Among the records below, find the line that has "#81=IFCINDEXEDPOLYGONALFACE((21,25,26,22));"; from there, give the lines again exactly, and stop after the line that has "#88=IFCINDEXEDPOLYGONALFACE((35,36,40,39));".

Saved data entries:
· · · ·
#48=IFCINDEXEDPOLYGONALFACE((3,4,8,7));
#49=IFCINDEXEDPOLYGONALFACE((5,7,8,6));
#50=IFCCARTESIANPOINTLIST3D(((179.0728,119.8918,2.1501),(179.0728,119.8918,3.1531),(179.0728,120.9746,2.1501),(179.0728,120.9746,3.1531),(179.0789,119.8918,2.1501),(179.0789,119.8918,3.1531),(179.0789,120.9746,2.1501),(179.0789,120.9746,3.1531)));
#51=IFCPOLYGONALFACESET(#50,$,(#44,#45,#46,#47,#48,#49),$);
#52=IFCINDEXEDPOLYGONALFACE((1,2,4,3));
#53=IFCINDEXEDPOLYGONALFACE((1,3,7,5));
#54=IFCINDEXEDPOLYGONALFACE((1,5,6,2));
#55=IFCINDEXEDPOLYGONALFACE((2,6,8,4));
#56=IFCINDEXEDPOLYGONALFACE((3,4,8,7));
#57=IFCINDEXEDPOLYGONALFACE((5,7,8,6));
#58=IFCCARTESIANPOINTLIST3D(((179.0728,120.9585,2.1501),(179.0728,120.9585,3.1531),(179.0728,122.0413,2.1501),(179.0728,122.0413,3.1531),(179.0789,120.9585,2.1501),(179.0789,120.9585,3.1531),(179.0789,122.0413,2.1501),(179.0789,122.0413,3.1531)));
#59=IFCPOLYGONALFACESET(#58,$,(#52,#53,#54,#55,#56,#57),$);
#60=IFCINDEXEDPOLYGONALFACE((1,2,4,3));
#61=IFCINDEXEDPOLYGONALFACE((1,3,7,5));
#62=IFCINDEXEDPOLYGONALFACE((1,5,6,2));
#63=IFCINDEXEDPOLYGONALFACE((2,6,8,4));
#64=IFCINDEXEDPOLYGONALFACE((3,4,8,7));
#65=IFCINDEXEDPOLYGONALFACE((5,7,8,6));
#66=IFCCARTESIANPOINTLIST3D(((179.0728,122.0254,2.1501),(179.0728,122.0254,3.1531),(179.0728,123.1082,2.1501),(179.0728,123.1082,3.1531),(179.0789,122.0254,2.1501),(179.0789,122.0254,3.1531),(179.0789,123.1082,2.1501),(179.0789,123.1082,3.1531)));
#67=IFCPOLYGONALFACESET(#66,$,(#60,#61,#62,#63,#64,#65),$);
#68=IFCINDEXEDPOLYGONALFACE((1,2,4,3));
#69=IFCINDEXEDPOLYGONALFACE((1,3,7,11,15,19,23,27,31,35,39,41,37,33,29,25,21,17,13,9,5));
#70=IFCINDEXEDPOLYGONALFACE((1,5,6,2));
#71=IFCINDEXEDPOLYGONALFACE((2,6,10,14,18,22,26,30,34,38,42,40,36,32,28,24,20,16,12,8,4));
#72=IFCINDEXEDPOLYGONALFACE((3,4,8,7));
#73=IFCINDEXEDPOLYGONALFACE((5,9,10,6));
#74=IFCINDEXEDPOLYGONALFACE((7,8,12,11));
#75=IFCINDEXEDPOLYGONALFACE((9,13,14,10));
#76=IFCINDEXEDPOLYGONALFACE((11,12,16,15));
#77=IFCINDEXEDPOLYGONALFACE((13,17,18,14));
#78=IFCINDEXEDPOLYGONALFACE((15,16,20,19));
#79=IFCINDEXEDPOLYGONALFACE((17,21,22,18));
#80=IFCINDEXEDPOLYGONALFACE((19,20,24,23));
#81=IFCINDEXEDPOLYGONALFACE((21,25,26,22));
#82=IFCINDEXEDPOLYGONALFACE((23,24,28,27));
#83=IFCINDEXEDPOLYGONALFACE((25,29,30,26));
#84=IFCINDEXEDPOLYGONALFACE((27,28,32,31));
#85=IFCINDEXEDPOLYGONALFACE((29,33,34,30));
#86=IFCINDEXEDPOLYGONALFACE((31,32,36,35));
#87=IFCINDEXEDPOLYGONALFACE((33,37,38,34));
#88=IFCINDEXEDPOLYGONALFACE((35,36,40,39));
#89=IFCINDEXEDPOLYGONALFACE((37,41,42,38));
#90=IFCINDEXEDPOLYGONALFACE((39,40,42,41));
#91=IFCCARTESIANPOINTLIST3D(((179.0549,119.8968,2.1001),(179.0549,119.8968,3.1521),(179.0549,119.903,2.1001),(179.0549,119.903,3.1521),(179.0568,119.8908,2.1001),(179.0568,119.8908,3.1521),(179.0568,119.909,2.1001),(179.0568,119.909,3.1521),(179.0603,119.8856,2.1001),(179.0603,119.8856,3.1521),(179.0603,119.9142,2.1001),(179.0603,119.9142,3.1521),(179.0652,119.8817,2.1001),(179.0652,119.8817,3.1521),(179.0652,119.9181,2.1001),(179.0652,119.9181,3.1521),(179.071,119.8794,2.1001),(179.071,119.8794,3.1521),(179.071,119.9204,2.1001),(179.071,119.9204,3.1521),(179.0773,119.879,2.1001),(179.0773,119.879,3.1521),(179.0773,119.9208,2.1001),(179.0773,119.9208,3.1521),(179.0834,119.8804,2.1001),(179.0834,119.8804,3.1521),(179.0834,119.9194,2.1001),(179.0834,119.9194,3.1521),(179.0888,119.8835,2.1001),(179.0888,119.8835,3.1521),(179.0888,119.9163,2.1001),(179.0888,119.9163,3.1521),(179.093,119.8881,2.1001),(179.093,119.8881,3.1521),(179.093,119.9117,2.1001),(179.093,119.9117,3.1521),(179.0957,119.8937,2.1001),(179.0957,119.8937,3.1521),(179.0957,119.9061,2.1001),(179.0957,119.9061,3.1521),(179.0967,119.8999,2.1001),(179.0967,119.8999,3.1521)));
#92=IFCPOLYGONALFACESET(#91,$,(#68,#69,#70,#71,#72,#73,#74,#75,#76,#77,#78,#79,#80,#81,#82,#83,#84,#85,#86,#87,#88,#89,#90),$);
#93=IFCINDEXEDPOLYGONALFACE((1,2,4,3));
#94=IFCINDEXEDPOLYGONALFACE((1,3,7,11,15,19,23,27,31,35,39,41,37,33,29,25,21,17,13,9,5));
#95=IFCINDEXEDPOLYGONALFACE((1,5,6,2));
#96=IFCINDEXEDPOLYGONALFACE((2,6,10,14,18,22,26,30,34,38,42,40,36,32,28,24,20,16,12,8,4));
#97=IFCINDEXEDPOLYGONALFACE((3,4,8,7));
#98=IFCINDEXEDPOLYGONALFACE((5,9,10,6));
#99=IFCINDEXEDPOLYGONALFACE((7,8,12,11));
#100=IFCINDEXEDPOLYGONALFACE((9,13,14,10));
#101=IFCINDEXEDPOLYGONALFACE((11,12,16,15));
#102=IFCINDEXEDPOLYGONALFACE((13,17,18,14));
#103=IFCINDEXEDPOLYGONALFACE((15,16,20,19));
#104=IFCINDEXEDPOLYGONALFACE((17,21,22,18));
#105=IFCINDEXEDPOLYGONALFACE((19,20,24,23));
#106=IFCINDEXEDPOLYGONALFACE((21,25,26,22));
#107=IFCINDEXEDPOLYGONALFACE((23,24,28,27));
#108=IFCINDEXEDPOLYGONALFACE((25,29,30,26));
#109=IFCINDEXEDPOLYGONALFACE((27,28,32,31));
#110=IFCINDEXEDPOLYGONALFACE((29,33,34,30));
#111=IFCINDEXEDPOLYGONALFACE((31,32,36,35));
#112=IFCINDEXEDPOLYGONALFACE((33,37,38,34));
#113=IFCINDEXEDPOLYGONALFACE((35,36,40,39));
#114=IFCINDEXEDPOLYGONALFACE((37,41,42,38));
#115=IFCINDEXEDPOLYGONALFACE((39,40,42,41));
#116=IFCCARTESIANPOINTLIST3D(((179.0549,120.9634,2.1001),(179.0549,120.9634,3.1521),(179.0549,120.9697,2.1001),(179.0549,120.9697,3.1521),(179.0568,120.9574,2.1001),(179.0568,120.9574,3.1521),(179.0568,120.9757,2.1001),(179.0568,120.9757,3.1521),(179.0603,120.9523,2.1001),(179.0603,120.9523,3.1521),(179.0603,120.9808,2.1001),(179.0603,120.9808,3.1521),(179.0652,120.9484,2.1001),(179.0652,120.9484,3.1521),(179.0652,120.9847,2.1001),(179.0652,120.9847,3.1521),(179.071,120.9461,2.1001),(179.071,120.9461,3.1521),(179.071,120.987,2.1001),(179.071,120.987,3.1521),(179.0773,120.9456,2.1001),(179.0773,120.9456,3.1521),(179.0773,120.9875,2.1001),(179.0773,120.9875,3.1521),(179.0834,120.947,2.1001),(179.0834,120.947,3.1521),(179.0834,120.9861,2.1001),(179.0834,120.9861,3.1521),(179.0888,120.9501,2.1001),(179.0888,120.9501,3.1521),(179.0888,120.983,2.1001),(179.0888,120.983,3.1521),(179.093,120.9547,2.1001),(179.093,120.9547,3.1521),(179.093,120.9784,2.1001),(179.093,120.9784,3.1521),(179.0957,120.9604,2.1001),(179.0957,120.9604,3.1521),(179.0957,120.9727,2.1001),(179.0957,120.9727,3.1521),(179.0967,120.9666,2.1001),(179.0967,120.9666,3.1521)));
· · · ·
→ ANSWER TO THE PROBLEM
#81=IFCINDEXEDPOLYGONALFACE((21,25,26,22));
#82=IFCINDEXEDPOLYGONALFACE((23,24,28,27));
#83=IFCINDEXEDPOLYGONALFACE((25,29,30,26));
#84=IFCINDEXEDPOLYGONALFACE((27,28,32,31));
#85=IFCINDEXEDPOLYGONALFACE((29,33,34,30));
#86=IFCINDEXEDPOLYGONALFACE((31,32,36,35));
#87=IFCINDEXEDPOLYGONALFACE((33,37,38,34));
#88=IFCINDEXEDPOLYGONALFACE((35,36,40,39));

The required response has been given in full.